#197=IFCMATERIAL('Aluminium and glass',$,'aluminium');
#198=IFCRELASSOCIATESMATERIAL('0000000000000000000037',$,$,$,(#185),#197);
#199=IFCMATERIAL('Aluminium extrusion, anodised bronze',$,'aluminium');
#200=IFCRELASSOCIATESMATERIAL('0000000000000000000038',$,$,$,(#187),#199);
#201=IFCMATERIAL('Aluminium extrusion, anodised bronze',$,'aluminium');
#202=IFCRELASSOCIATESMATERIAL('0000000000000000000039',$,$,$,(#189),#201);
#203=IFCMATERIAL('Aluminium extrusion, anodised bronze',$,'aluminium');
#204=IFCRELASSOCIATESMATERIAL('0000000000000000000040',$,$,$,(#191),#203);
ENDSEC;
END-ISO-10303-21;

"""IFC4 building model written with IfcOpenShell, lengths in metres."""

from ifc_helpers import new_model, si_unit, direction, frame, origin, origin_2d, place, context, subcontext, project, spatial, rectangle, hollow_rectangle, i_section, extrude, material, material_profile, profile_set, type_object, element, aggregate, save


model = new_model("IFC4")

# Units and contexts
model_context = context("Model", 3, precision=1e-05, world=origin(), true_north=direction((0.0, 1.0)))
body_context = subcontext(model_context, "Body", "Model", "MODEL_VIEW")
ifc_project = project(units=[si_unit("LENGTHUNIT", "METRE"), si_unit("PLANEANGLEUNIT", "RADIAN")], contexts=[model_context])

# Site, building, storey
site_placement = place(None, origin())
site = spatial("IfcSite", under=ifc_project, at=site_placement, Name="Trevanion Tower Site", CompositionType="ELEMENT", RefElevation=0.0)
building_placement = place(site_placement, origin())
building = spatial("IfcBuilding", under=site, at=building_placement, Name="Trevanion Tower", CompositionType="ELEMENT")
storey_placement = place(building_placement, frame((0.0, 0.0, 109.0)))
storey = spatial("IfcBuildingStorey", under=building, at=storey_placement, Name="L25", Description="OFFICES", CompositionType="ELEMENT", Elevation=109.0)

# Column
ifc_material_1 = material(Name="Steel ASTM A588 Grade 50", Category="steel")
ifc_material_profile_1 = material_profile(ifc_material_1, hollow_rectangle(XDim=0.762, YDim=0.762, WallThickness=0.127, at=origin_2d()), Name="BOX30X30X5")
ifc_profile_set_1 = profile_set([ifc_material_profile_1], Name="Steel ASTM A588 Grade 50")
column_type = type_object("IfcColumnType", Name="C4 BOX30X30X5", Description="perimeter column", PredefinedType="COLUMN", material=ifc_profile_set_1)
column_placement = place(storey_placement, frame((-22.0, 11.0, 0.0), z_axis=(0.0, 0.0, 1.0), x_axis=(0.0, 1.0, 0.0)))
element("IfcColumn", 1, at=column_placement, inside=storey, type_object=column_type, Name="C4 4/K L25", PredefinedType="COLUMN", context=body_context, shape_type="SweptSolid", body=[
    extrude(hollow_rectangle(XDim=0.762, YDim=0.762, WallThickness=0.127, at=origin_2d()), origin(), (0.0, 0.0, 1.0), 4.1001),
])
= = = = = = =
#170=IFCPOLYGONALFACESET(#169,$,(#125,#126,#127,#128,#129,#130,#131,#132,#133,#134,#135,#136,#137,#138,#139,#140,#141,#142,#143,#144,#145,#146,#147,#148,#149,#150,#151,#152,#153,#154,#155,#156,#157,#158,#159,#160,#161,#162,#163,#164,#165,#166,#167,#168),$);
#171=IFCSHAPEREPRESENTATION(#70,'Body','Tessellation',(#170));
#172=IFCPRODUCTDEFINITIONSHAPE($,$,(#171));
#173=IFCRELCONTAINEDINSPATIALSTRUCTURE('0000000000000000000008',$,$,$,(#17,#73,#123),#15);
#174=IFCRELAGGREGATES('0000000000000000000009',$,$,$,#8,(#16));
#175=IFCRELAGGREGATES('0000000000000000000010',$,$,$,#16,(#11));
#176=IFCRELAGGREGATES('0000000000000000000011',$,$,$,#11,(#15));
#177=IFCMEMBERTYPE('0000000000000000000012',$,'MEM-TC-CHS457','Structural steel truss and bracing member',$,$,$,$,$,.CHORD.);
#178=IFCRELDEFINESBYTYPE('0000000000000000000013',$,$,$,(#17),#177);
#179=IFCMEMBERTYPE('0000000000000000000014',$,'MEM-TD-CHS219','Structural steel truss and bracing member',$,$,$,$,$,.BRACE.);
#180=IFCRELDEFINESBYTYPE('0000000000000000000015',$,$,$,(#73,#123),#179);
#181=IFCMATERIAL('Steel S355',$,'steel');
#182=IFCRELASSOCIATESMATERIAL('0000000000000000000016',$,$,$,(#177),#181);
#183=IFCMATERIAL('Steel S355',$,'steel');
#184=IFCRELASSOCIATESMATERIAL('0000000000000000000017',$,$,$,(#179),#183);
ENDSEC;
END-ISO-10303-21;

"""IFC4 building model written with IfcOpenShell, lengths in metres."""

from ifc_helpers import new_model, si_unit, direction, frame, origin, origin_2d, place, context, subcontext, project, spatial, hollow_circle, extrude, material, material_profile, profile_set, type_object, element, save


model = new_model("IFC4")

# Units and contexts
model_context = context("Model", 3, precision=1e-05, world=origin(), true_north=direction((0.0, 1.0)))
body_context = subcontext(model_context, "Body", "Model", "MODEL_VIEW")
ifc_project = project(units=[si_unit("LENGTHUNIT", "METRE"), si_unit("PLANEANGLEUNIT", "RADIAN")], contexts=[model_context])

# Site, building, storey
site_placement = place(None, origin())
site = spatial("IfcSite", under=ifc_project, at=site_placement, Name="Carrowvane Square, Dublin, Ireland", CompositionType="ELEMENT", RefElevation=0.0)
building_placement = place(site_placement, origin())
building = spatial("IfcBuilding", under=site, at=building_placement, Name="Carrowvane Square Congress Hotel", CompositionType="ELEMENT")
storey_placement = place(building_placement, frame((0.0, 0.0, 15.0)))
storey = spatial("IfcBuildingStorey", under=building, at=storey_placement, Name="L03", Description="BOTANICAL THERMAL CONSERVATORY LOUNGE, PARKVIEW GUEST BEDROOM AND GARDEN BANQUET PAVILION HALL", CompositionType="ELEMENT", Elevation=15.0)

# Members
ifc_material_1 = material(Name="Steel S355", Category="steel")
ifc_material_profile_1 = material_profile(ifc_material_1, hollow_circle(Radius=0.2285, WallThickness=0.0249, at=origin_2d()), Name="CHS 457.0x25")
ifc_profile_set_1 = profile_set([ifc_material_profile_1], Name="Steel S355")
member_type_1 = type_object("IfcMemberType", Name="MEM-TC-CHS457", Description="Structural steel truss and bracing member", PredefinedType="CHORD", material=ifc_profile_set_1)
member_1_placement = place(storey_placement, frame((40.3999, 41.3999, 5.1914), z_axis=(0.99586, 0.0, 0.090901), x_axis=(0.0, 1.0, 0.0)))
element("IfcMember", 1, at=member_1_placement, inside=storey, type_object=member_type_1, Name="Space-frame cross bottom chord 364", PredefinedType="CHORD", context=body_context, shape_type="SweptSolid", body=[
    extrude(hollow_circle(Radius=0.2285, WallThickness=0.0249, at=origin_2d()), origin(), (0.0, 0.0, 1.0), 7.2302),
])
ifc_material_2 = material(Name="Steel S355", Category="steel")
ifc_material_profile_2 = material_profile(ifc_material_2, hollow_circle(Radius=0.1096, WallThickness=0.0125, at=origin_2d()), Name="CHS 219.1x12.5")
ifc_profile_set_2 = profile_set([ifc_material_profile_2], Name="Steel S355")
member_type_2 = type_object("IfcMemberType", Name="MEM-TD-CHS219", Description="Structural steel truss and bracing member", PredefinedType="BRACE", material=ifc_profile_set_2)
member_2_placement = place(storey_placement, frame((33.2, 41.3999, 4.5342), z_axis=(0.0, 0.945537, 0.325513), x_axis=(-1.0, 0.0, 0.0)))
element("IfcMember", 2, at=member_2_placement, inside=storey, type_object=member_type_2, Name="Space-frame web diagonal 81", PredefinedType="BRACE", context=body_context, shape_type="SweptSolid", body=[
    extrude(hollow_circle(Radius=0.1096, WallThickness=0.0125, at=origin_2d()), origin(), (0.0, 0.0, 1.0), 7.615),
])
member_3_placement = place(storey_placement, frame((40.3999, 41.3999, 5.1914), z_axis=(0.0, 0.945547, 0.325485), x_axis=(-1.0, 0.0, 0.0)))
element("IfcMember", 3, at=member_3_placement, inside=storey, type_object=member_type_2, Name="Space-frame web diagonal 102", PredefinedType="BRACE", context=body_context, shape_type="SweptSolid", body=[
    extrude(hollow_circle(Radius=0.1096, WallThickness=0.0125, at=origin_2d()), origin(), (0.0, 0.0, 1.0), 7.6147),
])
= = = = = = =
TASK INSTRUCTIONS:
A complete answer gives every line of the data that includes "import".

FINISHED TASK:
from ifc_helpers import new_model, si_unit, direction, frame, origin, origin_2d, place, context, subcontext, project, spatial, rectangle, hollow_rectangle, i_section, extrude, material, material_profile, profile_set, type_object, element, aggregate, save
from ifc_helpers import new_model, si_unit, direction, frame, origin, origin_2d, place, context, subcontext, project, spatial, hollow_circle, extrude, material, material_profile, profile_set, type_object, element, save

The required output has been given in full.